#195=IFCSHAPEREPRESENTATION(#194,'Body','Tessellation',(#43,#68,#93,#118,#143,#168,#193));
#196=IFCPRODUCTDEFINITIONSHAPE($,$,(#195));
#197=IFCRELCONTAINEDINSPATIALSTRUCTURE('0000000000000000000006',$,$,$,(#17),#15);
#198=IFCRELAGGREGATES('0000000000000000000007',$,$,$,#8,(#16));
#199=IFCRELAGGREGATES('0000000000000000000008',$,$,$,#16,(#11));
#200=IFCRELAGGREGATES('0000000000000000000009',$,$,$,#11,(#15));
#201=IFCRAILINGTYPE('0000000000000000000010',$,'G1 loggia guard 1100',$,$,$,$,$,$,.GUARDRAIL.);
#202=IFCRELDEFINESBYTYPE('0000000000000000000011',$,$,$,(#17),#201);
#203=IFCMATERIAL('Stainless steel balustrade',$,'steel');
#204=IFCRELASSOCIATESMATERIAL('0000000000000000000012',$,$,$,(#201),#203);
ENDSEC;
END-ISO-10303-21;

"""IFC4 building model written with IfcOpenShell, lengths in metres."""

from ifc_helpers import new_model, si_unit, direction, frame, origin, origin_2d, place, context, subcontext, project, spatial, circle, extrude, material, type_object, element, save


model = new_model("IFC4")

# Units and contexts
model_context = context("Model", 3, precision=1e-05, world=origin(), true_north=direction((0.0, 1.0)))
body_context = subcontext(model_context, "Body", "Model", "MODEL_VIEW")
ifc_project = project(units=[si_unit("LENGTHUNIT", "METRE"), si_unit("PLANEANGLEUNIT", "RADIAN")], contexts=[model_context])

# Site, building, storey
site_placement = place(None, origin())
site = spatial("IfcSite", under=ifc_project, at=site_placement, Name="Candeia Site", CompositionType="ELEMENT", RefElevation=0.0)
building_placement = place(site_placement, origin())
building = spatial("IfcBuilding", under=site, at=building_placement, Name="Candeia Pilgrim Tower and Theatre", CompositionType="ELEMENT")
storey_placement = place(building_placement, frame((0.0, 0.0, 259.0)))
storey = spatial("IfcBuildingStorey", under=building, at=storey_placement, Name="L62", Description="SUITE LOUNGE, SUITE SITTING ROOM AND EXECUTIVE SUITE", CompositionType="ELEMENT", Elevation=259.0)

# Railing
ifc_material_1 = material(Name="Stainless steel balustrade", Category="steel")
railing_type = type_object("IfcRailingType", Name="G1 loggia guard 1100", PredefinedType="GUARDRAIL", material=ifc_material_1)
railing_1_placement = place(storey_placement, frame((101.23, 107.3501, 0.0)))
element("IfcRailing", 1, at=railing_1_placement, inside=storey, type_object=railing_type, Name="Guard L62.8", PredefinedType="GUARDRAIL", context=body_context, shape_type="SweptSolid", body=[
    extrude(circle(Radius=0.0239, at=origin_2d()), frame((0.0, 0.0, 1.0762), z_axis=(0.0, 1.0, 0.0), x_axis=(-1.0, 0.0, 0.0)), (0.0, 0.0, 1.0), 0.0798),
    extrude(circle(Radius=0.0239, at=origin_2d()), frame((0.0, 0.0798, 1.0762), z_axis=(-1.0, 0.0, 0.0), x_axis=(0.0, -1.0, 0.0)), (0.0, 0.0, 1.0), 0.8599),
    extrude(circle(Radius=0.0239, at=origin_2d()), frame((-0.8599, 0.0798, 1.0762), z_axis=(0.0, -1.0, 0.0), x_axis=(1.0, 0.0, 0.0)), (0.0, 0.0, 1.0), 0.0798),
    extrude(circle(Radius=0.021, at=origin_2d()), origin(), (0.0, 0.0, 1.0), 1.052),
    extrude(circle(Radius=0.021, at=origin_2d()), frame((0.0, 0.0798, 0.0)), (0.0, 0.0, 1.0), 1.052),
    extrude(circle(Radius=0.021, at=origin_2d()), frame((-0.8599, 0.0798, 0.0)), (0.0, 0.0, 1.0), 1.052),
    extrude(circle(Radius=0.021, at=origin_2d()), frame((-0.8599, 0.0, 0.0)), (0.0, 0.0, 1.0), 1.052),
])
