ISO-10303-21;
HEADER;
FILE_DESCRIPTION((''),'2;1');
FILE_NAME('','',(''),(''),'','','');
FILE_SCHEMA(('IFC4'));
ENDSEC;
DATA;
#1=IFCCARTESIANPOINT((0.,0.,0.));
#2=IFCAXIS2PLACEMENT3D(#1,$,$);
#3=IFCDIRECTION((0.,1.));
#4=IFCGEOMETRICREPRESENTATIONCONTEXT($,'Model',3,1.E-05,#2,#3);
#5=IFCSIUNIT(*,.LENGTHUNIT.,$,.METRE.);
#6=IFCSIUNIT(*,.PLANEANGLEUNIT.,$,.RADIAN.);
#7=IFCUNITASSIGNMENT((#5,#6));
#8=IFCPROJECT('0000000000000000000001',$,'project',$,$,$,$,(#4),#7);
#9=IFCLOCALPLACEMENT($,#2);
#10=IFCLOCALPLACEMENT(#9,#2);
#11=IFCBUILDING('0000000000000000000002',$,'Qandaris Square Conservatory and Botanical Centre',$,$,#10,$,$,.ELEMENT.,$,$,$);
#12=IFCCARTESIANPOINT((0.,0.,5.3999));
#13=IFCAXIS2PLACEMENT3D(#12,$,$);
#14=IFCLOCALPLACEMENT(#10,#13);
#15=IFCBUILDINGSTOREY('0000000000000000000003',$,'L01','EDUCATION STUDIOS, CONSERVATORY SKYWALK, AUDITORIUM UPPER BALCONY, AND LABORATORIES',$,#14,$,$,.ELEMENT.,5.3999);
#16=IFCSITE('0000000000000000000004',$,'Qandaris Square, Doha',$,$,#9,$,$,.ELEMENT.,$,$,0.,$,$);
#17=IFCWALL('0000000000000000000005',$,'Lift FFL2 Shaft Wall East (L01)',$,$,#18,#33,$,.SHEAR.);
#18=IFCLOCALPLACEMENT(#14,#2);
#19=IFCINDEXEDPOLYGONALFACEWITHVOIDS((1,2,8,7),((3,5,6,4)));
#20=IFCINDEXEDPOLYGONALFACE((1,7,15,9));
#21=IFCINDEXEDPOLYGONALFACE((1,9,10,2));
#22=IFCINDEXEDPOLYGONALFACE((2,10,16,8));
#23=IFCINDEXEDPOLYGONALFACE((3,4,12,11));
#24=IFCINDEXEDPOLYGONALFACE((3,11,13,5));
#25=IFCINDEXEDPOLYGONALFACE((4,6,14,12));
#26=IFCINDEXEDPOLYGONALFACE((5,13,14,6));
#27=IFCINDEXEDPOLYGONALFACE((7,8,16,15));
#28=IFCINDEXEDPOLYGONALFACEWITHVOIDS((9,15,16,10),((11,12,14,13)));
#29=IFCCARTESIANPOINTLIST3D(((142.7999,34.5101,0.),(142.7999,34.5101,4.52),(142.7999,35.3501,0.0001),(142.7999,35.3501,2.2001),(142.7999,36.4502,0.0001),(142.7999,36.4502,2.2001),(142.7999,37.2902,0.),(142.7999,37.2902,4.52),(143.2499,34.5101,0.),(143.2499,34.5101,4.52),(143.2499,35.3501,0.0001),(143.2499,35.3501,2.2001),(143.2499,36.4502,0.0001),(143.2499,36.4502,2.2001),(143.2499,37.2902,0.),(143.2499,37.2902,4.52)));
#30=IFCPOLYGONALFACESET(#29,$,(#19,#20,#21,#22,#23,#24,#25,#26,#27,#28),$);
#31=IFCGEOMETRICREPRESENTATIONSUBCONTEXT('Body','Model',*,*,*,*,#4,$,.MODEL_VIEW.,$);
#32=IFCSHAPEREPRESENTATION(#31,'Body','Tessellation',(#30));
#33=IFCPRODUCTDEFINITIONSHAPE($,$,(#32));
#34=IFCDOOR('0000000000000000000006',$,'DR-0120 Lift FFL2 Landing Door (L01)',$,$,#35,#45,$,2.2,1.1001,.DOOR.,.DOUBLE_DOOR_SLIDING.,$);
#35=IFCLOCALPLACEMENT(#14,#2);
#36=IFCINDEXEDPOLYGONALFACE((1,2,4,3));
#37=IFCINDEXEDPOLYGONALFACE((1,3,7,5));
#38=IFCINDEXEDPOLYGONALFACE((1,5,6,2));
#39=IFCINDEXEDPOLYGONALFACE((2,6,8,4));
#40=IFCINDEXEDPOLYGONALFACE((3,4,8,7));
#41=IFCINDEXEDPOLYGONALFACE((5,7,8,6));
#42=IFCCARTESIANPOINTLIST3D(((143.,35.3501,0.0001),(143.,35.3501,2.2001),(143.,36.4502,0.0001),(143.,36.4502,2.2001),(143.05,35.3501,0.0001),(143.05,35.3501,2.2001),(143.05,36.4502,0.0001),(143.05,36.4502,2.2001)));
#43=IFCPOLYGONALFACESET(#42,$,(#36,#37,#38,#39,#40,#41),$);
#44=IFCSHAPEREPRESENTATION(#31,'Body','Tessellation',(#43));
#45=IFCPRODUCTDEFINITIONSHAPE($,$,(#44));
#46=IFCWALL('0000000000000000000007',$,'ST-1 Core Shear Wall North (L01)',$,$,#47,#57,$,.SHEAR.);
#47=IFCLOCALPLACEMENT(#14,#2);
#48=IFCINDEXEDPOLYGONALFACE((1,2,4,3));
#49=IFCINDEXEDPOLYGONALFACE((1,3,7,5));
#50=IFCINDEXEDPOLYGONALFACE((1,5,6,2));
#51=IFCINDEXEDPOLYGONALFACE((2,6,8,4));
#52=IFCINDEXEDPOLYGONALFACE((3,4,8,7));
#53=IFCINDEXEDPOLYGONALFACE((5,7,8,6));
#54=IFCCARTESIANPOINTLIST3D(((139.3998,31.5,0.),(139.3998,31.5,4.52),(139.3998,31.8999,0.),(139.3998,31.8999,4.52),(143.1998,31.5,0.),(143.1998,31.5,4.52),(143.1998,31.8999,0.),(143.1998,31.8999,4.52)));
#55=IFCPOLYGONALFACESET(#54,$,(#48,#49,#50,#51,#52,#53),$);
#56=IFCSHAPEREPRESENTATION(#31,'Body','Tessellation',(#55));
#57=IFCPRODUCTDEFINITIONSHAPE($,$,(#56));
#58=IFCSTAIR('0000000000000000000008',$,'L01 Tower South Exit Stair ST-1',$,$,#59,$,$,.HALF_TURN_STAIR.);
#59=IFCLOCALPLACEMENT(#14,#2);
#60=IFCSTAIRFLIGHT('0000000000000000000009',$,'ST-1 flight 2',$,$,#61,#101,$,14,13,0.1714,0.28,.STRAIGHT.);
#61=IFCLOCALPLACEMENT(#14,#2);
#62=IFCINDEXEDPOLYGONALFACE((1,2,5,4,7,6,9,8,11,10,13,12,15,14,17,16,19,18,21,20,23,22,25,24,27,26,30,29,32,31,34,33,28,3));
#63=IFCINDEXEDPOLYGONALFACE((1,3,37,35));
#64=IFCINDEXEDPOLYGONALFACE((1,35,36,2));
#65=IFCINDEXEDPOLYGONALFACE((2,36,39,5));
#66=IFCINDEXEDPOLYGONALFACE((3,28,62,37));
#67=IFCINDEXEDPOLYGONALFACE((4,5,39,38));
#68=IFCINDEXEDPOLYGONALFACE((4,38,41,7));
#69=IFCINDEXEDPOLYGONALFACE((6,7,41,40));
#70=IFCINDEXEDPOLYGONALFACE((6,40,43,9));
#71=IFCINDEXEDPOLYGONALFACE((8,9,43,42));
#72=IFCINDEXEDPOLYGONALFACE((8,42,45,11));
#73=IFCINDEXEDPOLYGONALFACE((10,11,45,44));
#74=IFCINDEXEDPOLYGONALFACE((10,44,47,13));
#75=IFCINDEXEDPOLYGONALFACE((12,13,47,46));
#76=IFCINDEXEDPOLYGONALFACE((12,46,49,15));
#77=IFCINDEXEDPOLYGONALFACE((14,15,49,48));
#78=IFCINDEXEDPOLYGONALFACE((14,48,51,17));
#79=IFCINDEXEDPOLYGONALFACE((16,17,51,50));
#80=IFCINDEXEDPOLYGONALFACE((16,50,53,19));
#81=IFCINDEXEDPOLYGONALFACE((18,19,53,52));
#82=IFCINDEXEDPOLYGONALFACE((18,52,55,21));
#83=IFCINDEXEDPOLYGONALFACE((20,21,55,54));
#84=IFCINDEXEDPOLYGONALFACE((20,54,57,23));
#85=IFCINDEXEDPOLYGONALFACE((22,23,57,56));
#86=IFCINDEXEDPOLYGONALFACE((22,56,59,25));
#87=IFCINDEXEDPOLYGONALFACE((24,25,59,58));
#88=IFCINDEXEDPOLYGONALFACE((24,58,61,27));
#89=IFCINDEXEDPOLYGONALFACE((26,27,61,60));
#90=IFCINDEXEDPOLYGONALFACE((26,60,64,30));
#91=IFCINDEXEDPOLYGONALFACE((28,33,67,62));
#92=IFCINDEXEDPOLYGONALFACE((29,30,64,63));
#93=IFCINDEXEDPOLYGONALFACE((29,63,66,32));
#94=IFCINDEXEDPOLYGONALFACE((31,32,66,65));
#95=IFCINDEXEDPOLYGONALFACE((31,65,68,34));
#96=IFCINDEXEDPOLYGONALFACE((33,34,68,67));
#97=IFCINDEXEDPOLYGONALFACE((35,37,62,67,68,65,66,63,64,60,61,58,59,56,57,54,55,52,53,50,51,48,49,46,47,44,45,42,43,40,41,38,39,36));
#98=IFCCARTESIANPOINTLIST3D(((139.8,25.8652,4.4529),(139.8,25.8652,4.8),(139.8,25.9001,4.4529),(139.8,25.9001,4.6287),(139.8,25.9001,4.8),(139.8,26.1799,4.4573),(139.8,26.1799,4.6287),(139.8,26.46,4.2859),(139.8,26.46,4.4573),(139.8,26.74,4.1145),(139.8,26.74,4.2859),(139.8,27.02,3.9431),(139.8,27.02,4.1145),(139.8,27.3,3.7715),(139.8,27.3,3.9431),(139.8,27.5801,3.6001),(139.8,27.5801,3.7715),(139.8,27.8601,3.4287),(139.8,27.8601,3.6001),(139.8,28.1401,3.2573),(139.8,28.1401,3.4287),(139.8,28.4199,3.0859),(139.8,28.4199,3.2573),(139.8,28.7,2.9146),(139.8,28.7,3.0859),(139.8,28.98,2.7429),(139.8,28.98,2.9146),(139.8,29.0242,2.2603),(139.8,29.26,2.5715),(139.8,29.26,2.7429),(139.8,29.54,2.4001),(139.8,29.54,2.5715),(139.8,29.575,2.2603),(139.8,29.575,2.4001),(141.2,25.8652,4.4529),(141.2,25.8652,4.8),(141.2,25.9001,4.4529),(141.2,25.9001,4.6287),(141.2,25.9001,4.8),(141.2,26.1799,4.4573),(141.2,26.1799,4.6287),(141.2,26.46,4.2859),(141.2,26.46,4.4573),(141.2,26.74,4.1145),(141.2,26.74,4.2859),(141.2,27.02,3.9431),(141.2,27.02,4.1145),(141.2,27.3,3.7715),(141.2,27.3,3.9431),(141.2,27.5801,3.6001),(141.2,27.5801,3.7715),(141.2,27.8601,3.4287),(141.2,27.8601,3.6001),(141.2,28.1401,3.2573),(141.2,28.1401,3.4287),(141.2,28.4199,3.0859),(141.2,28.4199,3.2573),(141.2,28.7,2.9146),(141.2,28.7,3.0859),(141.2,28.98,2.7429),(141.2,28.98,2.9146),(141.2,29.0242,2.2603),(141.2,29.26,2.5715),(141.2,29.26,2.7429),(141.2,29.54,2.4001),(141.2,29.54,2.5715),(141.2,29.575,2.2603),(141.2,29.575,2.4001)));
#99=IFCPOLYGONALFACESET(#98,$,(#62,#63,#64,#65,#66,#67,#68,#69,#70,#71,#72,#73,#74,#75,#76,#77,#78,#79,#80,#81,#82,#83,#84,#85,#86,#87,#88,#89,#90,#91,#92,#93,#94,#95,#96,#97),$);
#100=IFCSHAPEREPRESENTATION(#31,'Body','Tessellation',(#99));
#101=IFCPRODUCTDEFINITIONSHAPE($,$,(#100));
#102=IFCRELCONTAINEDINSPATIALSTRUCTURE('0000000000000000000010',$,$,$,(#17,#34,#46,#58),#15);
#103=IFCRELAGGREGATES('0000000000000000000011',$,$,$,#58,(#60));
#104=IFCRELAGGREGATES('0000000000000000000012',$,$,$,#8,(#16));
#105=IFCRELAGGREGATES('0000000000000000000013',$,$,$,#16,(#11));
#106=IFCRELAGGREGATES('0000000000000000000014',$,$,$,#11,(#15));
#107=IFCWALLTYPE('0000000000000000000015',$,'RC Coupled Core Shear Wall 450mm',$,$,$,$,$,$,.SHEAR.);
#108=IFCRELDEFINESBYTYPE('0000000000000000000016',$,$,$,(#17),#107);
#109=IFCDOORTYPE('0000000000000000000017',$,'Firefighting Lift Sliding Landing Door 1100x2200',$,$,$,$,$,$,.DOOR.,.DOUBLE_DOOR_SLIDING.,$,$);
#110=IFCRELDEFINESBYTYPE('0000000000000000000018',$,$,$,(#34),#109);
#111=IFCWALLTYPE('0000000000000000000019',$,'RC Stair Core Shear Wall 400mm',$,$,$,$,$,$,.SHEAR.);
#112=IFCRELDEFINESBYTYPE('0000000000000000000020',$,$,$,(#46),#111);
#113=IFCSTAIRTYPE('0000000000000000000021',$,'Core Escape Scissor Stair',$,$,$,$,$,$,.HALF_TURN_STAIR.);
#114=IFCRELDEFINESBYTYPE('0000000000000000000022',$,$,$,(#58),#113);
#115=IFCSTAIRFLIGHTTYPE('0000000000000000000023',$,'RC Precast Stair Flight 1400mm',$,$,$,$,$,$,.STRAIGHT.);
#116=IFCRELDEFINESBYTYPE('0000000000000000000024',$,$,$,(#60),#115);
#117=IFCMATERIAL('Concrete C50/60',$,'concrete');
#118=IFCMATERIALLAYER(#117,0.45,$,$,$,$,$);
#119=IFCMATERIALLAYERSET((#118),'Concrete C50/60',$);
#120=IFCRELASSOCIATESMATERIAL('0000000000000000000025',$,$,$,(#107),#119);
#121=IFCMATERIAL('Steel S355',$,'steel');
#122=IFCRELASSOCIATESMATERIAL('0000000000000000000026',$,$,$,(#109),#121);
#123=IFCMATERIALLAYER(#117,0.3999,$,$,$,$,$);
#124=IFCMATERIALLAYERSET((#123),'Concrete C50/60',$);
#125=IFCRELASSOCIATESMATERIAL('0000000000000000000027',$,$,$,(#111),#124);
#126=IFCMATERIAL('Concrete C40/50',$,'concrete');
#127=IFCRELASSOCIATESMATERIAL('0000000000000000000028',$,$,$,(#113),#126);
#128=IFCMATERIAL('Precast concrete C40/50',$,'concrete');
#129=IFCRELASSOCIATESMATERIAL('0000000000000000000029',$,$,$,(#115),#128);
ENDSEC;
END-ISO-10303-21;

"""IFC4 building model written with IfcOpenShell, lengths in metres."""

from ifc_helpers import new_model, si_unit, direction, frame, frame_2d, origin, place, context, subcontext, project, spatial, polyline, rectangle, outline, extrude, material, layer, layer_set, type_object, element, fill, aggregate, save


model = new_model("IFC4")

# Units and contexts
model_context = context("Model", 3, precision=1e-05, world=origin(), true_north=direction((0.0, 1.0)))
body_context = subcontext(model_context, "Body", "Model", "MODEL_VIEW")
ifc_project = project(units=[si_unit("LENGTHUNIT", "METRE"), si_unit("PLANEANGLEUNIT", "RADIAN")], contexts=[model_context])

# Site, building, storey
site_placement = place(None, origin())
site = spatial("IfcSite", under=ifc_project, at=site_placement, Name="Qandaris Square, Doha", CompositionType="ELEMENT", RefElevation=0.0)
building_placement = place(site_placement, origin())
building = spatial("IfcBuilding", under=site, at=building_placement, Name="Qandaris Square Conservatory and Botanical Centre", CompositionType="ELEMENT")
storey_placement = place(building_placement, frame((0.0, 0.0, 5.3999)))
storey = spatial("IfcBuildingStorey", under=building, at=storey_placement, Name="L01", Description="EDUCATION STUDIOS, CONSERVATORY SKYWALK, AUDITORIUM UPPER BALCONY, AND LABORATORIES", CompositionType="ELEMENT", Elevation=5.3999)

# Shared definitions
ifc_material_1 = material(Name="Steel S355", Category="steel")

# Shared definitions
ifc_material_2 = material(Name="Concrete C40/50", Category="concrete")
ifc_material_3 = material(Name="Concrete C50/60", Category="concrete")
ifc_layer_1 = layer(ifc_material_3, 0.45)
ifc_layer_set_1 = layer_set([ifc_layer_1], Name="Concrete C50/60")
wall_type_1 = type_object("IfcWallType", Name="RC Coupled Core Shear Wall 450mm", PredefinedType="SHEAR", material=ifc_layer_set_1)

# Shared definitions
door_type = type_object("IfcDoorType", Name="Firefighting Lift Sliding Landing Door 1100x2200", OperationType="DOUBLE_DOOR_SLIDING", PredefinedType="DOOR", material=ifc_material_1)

:::::

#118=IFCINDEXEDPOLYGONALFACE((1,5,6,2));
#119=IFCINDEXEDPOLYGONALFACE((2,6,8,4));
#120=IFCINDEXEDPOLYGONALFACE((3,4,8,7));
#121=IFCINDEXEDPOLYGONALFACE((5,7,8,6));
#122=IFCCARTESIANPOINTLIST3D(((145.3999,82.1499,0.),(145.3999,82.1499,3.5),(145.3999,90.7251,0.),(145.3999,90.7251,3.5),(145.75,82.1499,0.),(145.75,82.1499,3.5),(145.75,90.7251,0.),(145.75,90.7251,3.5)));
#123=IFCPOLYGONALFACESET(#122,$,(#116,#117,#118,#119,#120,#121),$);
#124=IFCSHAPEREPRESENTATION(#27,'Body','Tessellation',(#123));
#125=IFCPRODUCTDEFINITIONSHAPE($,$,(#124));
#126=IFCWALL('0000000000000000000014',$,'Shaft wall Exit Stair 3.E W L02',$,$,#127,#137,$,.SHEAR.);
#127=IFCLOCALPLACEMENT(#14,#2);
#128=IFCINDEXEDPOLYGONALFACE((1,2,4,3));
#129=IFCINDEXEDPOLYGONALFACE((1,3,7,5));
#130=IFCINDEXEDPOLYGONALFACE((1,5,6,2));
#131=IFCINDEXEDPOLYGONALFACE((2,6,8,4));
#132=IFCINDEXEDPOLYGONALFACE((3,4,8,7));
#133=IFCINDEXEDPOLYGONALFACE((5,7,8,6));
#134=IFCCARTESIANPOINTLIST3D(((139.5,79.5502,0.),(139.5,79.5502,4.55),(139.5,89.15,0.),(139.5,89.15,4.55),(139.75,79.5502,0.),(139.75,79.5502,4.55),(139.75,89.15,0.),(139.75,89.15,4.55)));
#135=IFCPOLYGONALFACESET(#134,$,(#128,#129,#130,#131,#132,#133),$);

:::::

» Exercise instructions
The lines to extract from the data above begin with the line containing "#49=IFCINDEXEDPOLYGONALFACE((1,3,7,5));" and end with the line containing "#82=IFCINDEXEDPOLYGONALFACE((18,52,55,21));". Extract them exactly, including both.

» Result of the task
#49=IFCINDEXEDPOLYGONALFACE((1,3,7,5));
#50=IFCINDEXEDPOLYGONALFACE((1,5,6,2));
#51=IFCINDEXEDPOLYGONALFACE((2,6,8,4));
#52=IFCINDEXEDPOLYGONALFACE((3,4,8,7));
#53=IFCINDEXEDPOLYGONALFACE((5,7,8,6));
#54=IFCCARTESIANPOINTLIST3D(((139.3998,31.5,0.),(139.3998,31.5,4.52),(139.3998,31.8999,0.),(139.3998,31.8999,4.52),(143.1998,31.5,0.),(143.1998,31.5,4.52),(143.1998,31.8999,0.),(143.1998,31.8999,4.52)));
#55=IFCPOLYGONALFACESET(#54,$,(#48,#49,#50,#51,#52,#53),$);
#56=IFCSHAPEREPRESENTATION(#31,'Body','Tessellation',(#55));
#57=IFCPRODUCTDEFINITIONSHAPE($,$,(#56));
#58=IFCSTAIR('0000000000000000000008',$,'L01 Tower South Exit Stair ST-1',$,$,#59,$,$,.HALF_TURN_STAIR.);
#59=IFCLOCALPLACEMENT(#14,#2);
#60=IFCSTAIRFLIGHT('0000000000000000000009',$,'ST-1 flight 2',$,$,#61,#101,$,14,13,0.1714,0.28,.STRAIGHT.);
#61=IFCLOCALPLACEMENT(#14,#2);
#62=IFCINDEXEDPOLYGONALFACE((1,2,5,4,7,6,9,8,11,10,13,12,15,14,17,16,19,18,21,20,23,22,25,24,27,26,30,29,32,31,34,33,28,3));
#63=IFCINDEXEDPOLYGONALFACE((1,3,37,35));
#64=IFCINDEXEDPOLYGONALFACE((1,35,36,2));
#65=IFCINDEXEDPOLYGONALFACE((2,36,39,5));
#66=IFCINDEXEDPOLYGONALFACE((3,28,62,37));
#67=IFCINDEXEDPOLYGONALFACE((4,5,39,38));
#68=IFCINDEXEDPOLYGONALFACE((4,38,41,7));
#69=IFCINDEXEDPOLYGONALFACE((6,7,41,40));
#70=IFCINDEXEDPOLYGONALFACE((6,40,43,9));
#71=IFCINDEXEDPOLYGONALFACE((8,9,43,42));
#72=IFCINDEXEDPOLYGONALFACE((8,42,45,11));
#73=IFCINDEXEDPOLYGONALFACE((10,11,45,44));
#74=IFCINDEXEDPOLYGONALFACE((10,44,47,13));
#75=IFCINDEXEDPOLYGONALFACE((12,13,47,46));
#76=IFCINDEXEDPOLYGONALFACE((12,46,49,15));
#77=IFCINDEXEDPOLYGONALFACE((14,15,49,48));
#78=IFCINDEXEDPOLYGONALFACE((14,48,51,17));
#79=IFCINDEXEDPOLYGONALFACE((16,17,51,50));
#80=IFCINDEXEDPOLYGONALFACE((16,50,53,19));
#81=IFCINDEXEDPOLYGONALFACE((18,19,53,52));
#82=IFCINDEXEDPOLYGONALFACE((18,52,55,21));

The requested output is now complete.